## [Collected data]
= Beginning of Section =

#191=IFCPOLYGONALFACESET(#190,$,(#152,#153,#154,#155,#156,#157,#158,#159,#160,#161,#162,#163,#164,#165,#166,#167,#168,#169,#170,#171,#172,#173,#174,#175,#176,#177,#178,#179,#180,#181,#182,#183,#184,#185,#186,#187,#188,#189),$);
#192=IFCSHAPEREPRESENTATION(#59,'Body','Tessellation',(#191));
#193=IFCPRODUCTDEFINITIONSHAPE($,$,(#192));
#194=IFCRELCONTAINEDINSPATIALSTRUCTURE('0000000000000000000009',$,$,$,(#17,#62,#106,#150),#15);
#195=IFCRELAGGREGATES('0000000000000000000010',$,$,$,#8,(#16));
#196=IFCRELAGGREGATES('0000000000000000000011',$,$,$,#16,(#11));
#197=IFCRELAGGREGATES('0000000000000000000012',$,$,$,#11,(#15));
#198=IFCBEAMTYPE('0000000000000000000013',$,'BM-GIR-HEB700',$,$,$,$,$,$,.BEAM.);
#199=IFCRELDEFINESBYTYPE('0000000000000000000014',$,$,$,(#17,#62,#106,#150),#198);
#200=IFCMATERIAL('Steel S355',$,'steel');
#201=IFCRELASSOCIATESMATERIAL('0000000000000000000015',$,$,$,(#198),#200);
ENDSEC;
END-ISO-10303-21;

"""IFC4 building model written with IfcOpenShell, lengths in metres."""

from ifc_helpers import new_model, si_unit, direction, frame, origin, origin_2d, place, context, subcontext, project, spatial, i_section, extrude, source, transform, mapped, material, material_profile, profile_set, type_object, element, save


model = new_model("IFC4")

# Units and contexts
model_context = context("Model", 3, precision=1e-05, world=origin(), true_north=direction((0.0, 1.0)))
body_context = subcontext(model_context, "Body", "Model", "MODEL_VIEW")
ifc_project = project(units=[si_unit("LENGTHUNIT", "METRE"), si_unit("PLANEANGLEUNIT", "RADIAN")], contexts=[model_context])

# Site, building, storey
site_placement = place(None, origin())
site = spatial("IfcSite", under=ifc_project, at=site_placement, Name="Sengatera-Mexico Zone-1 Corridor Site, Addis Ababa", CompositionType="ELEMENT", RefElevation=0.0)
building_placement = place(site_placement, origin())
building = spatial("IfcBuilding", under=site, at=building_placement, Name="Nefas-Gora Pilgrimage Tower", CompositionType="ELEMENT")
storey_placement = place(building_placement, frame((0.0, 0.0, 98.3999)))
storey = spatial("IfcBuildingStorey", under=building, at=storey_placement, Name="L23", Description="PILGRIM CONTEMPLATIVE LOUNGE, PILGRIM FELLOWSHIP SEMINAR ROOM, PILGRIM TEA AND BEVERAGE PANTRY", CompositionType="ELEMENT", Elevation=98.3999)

= End of Section =

## [DIRECTIONS]
Find every line in the records above that holds the word "CompositionType", and copy each one.

## [SOLUTION TO THIS TASK]
site = spatial("IfcSite", under=ifc_project, at=site_placement, Name="Sengatera-Mexico Zone-1 Corridor Site, Addis Ababa", CompositionType="ELEMENT", RefElevation=0.0)
building = spatial("IfcBuilding", under=site, at=building_placement, Name="Nefas-Gora Pilgrimage Tower", CompositionType="ELEMENT")
storey = spatial("IfcBuildingStorey", under=building, at=storey_placement, Name="L23", Description="PILGRIM CONTEMPLATIVE LOUNGE, PILGRIM FELLOWSHIP SEMINAR ROOM, PILGRIM TEA AND BEVERAGE PANTRY", CompositionType="ELEMENT", Elevation=98.3999)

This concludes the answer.